■ **Extracted information**
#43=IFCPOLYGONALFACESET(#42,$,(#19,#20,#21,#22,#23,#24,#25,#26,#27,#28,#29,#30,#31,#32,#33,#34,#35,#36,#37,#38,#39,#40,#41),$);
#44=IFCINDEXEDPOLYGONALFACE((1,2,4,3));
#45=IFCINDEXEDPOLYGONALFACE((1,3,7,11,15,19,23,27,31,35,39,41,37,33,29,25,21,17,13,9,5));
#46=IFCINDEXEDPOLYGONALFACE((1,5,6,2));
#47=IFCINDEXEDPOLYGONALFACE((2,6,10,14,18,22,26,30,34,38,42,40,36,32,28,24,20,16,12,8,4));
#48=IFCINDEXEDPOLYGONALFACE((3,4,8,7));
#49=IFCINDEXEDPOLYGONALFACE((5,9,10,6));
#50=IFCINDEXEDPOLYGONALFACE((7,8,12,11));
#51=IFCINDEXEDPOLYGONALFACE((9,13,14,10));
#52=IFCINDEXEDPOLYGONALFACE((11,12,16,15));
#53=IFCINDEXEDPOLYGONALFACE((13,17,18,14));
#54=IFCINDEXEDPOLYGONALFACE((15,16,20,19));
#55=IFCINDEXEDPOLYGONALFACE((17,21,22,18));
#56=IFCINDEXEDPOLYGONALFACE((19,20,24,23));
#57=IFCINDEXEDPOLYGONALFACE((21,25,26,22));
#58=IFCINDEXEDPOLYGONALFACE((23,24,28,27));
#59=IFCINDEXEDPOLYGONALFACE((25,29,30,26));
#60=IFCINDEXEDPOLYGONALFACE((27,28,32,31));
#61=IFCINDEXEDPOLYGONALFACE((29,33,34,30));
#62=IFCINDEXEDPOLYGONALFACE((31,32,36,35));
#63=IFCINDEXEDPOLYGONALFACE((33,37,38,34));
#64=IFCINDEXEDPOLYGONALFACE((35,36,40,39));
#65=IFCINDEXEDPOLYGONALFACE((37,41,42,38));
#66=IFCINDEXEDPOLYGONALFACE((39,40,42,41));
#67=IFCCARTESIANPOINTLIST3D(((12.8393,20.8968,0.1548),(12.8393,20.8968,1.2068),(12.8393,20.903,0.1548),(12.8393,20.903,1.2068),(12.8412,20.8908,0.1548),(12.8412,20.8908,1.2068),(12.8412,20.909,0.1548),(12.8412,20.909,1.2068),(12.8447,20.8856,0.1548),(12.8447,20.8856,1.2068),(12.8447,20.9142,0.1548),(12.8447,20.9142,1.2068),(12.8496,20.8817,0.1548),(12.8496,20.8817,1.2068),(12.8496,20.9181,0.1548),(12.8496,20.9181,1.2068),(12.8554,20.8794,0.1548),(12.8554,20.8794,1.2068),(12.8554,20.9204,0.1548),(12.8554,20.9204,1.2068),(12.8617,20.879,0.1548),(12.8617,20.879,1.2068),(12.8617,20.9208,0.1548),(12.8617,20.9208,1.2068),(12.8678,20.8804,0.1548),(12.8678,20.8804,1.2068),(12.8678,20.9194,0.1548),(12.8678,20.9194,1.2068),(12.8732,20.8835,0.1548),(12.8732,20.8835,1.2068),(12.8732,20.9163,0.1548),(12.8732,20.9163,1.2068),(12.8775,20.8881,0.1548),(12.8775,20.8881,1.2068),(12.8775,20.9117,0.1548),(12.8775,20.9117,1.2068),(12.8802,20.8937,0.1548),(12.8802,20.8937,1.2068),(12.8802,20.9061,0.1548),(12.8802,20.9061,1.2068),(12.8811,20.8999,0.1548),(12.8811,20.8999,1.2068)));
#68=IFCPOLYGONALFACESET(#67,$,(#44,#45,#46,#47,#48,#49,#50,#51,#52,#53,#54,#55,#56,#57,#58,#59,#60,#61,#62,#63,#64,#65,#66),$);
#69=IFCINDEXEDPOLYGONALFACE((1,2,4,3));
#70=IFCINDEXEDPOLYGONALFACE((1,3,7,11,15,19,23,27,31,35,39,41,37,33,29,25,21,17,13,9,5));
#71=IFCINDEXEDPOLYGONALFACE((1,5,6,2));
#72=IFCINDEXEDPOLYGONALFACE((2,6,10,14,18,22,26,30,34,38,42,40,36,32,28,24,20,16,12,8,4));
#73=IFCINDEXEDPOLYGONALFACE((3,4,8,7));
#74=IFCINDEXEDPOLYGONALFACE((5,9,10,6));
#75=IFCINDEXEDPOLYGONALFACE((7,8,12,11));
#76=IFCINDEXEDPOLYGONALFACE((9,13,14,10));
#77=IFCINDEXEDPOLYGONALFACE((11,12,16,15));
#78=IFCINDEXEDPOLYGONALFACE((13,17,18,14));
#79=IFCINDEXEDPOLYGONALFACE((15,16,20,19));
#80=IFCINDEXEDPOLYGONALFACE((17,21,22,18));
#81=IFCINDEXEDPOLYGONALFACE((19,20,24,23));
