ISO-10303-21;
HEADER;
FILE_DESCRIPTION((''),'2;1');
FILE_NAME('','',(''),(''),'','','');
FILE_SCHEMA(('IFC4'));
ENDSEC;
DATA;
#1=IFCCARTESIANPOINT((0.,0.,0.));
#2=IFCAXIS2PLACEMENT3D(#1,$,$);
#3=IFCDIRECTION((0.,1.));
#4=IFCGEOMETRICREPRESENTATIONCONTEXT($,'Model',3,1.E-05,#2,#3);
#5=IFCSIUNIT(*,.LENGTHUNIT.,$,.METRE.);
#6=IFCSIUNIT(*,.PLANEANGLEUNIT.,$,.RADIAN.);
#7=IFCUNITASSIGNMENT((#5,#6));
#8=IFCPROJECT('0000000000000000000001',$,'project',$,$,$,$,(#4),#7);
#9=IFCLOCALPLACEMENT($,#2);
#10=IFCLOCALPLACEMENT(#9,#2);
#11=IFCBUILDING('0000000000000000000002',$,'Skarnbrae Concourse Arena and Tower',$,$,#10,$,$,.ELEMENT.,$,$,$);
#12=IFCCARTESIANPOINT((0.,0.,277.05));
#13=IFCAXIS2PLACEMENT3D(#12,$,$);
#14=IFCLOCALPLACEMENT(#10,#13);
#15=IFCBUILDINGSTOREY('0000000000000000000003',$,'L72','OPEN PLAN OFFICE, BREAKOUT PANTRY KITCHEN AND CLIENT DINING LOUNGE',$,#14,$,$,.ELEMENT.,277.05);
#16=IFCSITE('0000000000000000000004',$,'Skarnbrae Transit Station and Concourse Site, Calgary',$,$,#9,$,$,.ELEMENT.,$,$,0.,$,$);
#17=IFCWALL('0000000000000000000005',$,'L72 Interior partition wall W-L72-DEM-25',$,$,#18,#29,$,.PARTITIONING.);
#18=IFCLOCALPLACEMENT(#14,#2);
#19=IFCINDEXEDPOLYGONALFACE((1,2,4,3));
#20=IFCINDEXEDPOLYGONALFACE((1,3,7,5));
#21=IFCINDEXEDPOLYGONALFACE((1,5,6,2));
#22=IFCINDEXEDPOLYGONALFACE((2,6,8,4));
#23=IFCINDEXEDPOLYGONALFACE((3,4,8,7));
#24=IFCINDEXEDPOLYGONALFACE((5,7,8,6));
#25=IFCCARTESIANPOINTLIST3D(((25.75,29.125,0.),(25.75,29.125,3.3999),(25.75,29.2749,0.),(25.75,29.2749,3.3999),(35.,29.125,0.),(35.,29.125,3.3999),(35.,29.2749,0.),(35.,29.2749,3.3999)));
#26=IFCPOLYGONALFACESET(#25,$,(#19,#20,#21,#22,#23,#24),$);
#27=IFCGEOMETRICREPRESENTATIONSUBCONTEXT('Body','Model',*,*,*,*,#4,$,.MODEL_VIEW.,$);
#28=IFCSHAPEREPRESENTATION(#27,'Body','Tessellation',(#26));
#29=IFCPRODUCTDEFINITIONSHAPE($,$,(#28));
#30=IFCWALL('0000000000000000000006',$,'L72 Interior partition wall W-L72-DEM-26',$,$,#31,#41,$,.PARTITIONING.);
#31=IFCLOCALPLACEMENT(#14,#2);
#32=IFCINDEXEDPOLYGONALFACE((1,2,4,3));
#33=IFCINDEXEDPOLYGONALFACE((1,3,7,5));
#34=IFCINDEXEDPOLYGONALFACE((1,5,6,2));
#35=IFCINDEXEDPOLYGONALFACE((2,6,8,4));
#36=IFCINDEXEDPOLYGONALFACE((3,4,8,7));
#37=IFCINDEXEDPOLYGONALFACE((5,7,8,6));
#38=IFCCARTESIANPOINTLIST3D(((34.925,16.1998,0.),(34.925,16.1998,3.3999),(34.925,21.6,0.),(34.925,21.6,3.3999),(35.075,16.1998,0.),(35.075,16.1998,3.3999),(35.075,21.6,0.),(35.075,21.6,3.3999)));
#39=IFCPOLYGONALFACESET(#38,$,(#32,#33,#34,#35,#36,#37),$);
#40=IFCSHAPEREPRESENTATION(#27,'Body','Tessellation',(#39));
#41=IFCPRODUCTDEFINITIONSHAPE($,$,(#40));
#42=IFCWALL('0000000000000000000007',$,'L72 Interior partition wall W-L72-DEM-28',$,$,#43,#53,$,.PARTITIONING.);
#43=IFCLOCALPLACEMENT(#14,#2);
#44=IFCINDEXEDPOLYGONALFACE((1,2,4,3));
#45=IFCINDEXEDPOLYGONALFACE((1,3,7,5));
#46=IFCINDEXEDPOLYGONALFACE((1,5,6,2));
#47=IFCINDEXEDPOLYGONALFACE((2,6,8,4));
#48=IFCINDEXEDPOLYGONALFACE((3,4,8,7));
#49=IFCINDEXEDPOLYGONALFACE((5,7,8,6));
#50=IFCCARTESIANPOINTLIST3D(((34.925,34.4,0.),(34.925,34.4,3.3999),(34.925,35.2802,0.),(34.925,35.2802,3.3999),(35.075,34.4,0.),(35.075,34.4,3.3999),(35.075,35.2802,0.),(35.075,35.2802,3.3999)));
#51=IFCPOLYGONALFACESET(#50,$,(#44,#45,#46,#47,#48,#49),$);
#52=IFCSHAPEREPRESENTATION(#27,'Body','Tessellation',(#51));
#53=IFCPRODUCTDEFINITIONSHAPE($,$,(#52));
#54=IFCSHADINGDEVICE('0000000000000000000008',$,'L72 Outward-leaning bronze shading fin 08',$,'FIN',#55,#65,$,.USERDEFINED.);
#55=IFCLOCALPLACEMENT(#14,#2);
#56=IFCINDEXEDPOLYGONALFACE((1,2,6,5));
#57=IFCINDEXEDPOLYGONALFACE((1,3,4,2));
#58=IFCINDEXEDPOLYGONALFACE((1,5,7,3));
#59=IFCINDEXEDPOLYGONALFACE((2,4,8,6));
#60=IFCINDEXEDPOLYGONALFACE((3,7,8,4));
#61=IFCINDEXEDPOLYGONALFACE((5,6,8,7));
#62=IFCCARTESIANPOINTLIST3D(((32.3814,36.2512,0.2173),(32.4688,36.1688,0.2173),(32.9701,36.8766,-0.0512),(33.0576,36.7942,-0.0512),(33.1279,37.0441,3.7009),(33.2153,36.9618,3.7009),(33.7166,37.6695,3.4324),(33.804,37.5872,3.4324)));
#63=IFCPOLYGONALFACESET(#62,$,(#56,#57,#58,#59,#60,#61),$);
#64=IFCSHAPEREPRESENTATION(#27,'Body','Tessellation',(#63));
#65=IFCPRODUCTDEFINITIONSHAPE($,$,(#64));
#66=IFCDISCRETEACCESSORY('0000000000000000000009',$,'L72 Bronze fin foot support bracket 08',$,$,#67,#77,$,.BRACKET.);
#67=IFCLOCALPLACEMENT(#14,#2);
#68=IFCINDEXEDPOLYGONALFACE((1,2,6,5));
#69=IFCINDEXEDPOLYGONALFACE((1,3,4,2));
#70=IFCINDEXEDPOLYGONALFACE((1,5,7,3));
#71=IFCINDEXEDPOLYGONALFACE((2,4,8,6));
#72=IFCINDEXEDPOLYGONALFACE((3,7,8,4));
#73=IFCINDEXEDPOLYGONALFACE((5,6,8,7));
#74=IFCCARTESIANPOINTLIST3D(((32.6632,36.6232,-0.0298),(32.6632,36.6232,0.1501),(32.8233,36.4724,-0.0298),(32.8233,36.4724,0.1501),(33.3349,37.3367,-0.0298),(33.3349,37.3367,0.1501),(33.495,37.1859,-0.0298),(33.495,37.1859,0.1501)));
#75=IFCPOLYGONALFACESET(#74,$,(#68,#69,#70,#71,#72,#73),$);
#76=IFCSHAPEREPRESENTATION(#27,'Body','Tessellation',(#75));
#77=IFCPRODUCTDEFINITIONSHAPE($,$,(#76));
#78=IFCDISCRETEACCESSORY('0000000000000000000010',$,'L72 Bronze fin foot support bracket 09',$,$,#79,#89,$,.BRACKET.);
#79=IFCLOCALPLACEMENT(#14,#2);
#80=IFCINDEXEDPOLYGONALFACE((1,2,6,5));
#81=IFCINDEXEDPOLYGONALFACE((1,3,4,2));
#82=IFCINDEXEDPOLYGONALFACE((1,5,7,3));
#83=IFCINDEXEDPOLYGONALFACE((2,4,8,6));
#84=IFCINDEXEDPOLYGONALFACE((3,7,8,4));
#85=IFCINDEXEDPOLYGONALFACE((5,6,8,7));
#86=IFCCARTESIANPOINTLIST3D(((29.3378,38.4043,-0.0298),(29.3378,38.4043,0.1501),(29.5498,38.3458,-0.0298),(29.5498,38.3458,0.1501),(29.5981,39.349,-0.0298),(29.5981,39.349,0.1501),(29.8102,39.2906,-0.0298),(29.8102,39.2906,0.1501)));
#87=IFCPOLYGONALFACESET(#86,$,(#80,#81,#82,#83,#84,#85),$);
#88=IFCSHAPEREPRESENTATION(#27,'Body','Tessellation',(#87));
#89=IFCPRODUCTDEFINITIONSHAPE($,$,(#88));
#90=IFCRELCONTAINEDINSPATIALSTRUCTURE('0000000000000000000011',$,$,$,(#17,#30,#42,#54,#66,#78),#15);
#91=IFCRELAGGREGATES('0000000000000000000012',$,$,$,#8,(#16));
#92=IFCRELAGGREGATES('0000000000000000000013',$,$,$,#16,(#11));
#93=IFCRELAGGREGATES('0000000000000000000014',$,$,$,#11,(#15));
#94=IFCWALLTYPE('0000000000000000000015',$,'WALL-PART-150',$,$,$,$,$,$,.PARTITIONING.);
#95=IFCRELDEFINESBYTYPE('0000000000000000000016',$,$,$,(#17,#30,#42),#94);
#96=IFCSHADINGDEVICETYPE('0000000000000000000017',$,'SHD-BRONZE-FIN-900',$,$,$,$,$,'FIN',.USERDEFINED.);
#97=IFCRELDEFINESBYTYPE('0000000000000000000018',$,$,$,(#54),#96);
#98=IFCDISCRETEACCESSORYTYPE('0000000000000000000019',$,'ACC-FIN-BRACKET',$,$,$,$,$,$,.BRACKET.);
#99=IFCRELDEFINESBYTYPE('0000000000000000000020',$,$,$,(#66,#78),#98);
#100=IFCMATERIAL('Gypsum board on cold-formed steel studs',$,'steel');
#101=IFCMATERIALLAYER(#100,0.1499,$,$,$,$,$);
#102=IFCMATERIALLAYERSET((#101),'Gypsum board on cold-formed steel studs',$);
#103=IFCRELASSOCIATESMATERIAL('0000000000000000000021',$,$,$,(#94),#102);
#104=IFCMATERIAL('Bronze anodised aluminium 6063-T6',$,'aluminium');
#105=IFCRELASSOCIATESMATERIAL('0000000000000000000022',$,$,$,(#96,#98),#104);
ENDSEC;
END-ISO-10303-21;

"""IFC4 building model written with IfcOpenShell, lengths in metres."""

from ifc_helpers import new_model, si_unit, direction, frame, frame_2d, origin, origin_2d, place, context, subcontext, project, spatial, rectangle, extrude, source, transform, mapped, material, layer, layer_set, type_object, element, save


model = new_model("IFC4")

# Units and contexts
model_context = context("Model", 3, precision=1e-05, world=origin(), true_north=direction((0.0, 1.0)))
body_context = subcontext(model_context, "Body", "Model", "MODEL_VIEW")
ifc_project = project(units=[si_unit("LENGTHUNIT", "METRE"), si_unit("PLANEANGLEUNIT", "RADIAN")], contexts=[model_context])

# Site, building, storey
site_placement = place(None, origin())
site = spatial("IfcSite", under=ifc_project, at=site_placement, Name="Skarnbrae Transit Station and Concourse Site, Calgary", CompositionType="ELEMENT", RefElevation=0.0)
building_placement = place(site_placement, origin())
building = spatial("IfcBuilding", under=site, at=building_placement, Name="Skarnbrae Concourse Arena and Tower", CompositionType="ELEMENT")
storey_placement = place(building_placement, frame((0.0, 0.0, 277.05)))
storey = spatial("IfcBuildingStorey", under=building, at=storey_placement, Name="L72", Description="OPEN PLAN OFFICE, BREAKOUT PANTRY KITCHEN AND CLIENT DINING LOUNGE", CompositionType="ELEMENT", Elevation=277.05)

# Shared definitions
ifc_material_1 = material(Name="Bronze anodised aluminium 6063-T6", Category="aluminium")

# Walls
ifc_material_2 = material(Name="Gypsum board on cold-formed steel studs", Category="steel")
ifc_layer_1 = layer(ifc_material_2, 0.1499)
ifc_layer_set_1 = layer_set([ifc_layer_1], Name="Gypsum board on cold-formed steel studs")
wall_type_1 = type_object("IfcWallType", Name="WALL-PART-150", PredefinedType="PARTITIONING", material=ifc_layer_set_1)
shared_shape_1 = source(origin(), body_context, "Body", "SweptSolid", [
    extrude(rectangle(XDim=9.25, YDim=0.1499, at=frame_2d((4.625, 0.0))), origin(), (0.0, 0.0, 1.0), 3.3999),
])
wall_1_placement = place(storey_placement, frame((35.0, 29.2, 0.0), z_axis=(0.0, 0.0, 1.0), x_axis=(-1.0, 0.0, 0.0)))
element("IfcWall", 1, at=wall_1_placement, inside=storey, type_object=wall_type_1, Name="L72 Interior partition wall W-L72-DEM-25", PredefinedType="PARTITIONING", context=body_context, shape_type="MappedRepresentation", body=[
    mapped(shared_shape_1, transform((0.0, 0.0, 0.0))),
])
shared_shape_2 = source(origin(), body_context, "Body", "SweptSolid", [
    extrude(rectangle(XDim=5.4001, YDim=0.1499, at=frame_2d((2.7002, 0.0))), origin(), (0.0, 0.0, 1.0), 3.3999),
])
wall_2_placement = place(storey_placement, frame((35.0, 21.6001, 0.0), z_axis=(0.0, 0.0, 1.0), x_axis=(0.0, -1.0, 0.0)))
element("IfcWall", 2, at=wall_2_placement, inside=storey, type_object=wall_type_1, Name="L72 Interior partition wall W-L72-DEM-26", PredefinedType="PARTITIONING", context=body_context, shape_type="MappedRepresentation", body=[
    mapped(shared_shape_2, transform((0.0, 0.0, 0.0))),
])
shared_shape_3 = source(origin(), body_context, "Body", "SweptSolid", [
    extrude(rectangle(XDim=0.8801, YDim=0.1499, at=frame_2d((0.4399, 0.0))), origin(), (0.0, 0.0, 1.0), 3.3999),
])
wall_3_placement = place(storey_placement, frame((35.0, 35.28, 0.0), z_axis=(0.0, 0.0, 1.0), x_axis=(0.0, -1.0, 0.0)))
element("IfcWall", 3, at=wall_3_placement, inside=storey, type_object=wall_type_1, Name="L72 Interior partition wall W-L72-DEM-28", PredefinedType="PARTITIONING", context=body_context, shape_type="MappedRepresentation", body=[
    mapped(shared_shape_3, transform((0.0, 0.0, 0.0))),
])

# Shading device
shading_device_type = type_object("IfcShadingDeviceType", Name="SHD-BRONZE-FIN-900", ElementType="FIN", PredefinedType="USERDEFINED", material=ifc_material_1)
shared_shape_4 = source(origin(), body_context, "Body", "SweptSolid", [
    extrude(rectangle(XDim=0.1201, YDim=0.8999, at=origin_2d()), origin(), (0.0, 0.0, 1.0), 3.6499),
])
shading_device_placement = place(storey_placement, frame((32.7195, 36.5227, 0.083), z_axis=(0.204517, 0.217256, 0.954449), x_axis=(0.728132, -0.685437, 0.0)))
element("IfcShadingDevice", 4, at=shading_device_placement, inside=storey, type_object=shading_device_type, Name="L72 Outward-leaning bronze shading fin 08", ObjectType="FIN", PredefinedType="USERDEFINED", context=body_context, shape_type="MappedRepresentation", body=[
    mapped(shared_shape_4, transform((0.0, 0.0, 0.0))),
])

# Discrete accessories
discrete_accessory_type = type_object("IfcDiscreteAccessoryType", Name="ACC-FIN-BRACKET", PredefinedType="BRACKET", material=ifc_material_1)
shared_shape_5 = source(origin(), body_context, "Body", "SweptSolid", [
    extrude(rectangle(XDim=0.22, YDim=0.98, at=origin_2d()), origin(), (0.0, 0.0, 1.0), 0.1799),
])
for number, where, z_axis, x_axis, name in (
    (5, (33.0791, 36.9045, -0.0298), (0.0, 0.0, 1.0), (0.728132, -0.685437, 0.0), "L72 Bronze fin foot support bracket 08"),
    (6, (29.574, 38.8474, -0.0298), (0.0, 0.0, 1.0), (0.964058, -0.265691, 0.0), "L72 Bronze fin foot support bracket 09"),
):
    element("IfcDiscreteAccessory", number, at=place(storey_placement, frame(where, z_axis=z_axis, x_axis=x_axis)), inside=storey, type_object=discrete_accessory_type, Name=name, PredefinedType="BRACKET", context=body_context, shape_type="MappedRepresentation", body=[
        mapped(shared_shape_5, transform((0.0, 0.0, 0.0))),
    ])

save(model, "model.ifc")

■ **Aim of the task**
Once you find the line with "#50=IFCINDEXEDPOLYGONALFACE((7,8,12,11));" above, print it and every line after it up to and including the line with "#65=IFCINDEXEDPOLYGONALFACE((37,41,42,38));", exactly as written and nothing else.

■ **The answer**
#50=IFCINDEXEDPOLYGONALFACE((7,8,12,11));
#51=IFCINDEXEDPOLYGONALFACE((9,13,14,10));
#52=IFCINDEXEDPOLYGONALFACE((11,12,16,15));
#53=IFCINDEXEDPOLYGONALFACE((13,17,18,14));
#54=IFCINDEXEDPOLYGONALFACE((15,16,20,19));
#55=IFCINDEXEDPOLYGONALFACE((17,21,22,18));
#56=IFCINDEXEDPOLYGONALFACE((19,20,24,23));
#57=IFCINDEXEDPOLYGONALFACE((21,25,26,22));
#58=IFCINDEXEDPOLYGONALFACE((23,24,28,27));
#59=IFCINDEXEDPOLYGONALFACE((25,29,30,26));
#60=IFCINDEXEDPOLYGONALFACE((27,28,32,31));
#61=IFCINDEXEDPOLYGONALFACE((29,33,34,30));
#62=IFCINDEXEDPOLYGONALFACE((31,32,36,35));
#63=IFCINDEXEDPOLYGONALFACE((33,37,38,34));
#64=IFCINDEXEDPOLYGONALFACE((35,36,40,39));
#65=IFCINDEXEDPOLYGONALFACE((37,41,42,38));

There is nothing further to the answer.